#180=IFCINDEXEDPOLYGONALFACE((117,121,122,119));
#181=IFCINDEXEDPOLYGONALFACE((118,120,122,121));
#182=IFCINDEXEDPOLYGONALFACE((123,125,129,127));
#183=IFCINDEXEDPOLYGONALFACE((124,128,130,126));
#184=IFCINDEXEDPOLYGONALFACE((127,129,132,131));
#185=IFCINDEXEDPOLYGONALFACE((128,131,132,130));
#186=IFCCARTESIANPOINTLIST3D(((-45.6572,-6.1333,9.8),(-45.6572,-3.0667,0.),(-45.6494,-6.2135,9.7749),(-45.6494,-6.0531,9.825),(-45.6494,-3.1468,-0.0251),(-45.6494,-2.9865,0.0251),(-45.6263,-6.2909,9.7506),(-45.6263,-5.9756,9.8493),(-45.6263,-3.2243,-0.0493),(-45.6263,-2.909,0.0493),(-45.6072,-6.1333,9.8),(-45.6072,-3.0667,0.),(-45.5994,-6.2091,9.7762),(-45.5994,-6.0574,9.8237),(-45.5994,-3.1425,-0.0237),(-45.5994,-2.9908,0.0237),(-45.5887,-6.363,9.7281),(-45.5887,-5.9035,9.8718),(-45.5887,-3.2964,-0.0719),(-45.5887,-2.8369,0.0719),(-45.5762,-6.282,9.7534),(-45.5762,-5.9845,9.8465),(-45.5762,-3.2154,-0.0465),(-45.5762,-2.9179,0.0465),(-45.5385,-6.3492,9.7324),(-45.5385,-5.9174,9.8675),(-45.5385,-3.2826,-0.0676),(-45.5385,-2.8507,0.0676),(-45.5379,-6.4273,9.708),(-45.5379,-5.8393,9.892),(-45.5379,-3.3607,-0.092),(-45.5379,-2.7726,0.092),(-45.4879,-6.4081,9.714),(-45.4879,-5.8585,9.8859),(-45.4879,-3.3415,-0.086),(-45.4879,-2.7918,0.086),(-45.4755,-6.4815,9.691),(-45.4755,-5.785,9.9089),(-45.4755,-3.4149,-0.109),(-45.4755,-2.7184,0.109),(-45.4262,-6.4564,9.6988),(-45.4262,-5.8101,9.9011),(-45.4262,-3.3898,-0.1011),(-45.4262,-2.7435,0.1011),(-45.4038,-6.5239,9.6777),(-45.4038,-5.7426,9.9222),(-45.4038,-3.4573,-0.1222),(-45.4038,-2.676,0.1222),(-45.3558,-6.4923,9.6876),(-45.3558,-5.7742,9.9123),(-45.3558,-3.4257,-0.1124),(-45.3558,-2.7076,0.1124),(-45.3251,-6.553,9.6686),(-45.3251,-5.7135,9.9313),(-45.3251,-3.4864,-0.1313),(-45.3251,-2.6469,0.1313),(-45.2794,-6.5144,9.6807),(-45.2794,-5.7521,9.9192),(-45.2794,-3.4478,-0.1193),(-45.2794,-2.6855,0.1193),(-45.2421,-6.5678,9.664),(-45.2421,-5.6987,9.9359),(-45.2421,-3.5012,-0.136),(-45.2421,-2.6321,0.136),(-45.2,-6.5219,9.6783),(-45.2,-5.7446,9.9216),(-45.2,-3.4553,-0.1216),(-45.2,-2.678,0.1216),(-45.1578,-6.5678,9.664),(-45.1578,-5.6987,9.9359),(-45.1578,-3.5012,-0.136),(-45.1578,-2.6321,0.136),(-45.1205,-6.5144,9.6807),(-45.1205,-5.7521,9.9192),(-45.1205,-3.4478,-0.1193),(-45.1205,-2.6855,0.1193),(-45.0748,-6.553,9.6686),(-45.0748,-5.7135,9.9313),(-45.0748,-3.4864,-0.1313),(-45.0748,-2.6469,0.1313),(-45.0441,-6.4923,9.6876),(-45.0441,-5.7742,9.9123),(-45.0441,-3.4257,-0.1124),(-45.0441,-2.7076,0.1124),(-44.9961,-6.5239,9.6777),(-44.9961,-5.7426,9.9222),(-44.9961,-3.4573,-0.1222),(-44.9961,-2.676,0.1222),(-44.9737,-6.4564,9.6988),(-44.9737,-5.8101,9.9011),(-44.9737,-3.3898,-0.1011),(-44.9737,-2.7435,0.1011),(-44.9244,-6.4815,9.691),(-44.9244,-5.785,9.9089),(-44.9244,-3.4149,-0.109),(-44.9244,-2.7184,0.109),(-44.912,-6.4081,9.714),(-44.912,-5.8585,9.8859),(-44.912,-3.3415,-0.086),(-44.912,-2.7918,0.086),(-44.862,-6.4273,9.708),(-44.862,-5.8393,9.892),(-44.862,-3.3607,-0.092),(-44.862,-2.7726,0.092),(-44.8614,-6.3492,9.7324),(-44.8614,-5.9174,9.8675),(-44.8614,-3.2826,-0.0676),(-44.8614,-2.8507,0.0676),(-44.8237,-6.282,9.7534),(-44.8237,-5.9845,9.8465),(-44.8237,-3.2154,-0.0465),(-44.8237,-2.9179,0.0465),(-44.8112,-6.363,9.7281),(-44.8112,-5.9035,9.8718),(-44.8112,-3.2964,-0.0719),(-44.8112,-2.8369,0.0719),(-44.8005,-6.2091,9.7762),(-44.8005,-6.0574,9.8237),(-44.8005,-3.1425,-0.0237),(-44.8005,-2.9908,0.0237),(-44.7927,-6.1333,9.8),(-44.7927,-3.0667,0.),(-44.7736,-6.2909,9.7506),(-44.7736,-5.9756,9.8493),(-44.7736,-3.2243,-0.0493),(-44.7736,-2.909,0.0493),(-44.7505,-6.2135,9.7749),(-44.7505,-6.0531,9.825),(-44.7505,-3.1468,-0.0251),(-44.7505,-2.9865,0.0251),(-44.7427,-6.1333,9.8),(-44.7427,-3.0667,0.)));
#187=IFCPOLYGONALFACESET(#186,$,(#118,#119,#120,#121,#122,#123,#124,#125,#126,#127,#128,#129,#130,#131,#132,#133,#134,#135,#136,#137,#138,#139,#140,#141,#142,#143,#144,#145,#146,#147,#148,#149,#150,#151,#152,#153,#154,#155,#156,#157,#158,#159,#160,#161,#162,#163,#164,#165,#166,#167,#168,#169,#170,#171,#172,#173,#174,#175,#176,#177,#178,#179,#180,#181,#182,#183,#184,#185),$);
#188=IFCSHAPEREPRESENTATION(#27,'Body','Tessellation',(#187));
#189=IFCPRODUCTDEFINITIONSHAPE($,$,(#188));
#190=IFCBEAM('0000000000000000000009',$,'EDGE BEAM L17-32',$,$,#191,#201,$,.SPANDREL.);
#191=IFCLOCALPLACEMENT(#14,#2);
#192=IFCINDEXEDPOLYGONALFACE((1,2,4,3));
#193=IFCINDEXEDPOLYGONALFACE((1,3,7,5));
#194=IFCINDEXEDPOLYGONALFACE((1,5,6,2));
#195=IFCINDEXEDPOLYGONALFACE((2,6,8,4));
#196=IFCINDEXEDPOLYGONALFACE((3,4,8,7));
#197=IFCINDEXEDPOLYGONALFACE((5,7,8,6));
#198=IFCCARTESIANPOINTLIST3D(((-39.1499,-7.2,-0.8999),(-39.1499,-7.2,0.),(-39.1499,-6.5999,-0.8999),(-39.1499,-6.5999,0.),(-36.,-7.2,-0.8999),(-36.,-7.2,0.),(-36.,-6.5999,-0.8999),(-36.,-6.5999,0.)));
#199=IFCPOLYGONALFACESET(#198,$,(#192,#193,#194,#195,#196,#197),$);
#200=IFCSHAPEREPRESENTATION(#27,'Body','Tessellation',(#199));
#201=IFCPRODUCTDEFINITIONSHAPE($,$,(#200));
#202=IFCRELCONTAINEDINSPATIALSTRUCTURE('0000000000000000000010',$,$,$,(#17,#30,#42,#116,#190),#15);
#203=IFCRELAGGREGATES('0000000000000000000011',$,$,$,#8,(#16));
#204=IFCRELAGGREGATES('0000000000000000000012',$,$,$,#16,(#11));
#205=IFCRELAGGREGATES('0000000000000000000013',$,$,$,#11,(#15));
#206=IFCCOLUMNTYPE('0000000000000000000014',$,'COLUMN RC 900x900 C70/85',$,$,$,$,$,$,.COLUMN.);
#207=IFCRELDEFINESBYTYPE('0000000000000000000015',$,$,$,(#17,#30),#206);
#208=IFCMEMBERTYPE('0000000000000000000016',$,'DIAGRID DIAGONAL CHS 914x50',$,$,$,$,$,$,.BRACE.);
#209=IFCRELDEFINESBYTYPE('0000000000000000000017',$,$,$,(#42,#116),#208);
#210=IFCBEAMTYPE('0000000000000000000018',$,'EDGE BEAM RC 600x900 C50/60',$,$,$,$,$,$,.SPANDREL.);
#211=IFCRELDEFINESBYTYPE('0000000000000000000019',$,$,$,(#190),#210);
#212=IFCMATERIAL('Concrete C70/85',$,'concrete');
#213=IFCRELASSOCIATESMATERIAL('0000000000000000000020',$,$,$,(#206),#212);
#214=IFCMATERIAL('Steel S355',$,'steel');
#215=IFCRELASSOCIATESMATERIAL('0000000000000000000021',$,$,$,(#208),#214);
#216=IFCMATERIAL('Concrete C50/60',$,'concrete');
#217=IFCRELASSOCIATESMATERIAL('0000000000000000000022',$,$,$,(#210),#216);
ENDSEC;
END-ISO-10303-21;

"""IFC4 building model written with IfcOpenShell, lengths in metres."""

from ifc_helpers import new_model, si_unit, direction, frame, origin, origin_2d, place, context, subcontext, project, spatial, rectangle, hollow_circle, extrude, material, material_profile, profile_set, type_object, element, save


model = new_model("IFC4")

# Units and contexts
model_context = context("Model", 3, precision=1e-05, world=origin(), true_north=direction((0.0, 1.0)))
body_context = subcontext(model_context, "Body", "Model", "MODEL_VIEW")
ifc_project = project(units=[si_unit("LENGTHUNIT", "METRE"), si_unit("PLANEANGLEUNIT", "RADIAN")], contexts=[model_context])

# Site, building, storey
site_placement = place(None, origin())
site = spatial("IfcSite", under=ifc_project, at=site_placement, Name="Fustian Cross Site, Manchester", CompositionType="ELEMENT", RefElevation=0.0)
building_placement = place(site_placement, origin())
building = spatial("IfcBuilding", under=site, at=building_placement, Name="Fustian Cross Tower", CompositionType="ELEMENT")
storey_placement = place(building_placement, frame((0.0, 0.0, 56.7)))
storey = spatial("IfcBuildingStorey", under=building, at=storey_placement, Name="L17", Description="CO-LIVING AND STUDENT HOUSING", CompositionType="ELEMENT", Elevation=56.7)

------------------------------

REQUIREMENT: Each line above with the word "Name" needs to be copied.

TASK RESPONSE:
site = spatial("IfcSite", under=ifc_project, at=site_placement, Name="Fustian Cross Site, Manchester", CompositionType="ELEMENT", RefElevation=0.0)
building = spatial("IfcBuilding", under=site, at=building_placement, Name="Fustian Cross Tower", CompositionType="ELEMENT")
storey = spatial("IfcBuildingStorey", under=building, at=storey_placement, Name="L17", Description="CO-LIVING AND STUDENT HOUSING", CompositionType="ELEMENT", Elevation=56.7)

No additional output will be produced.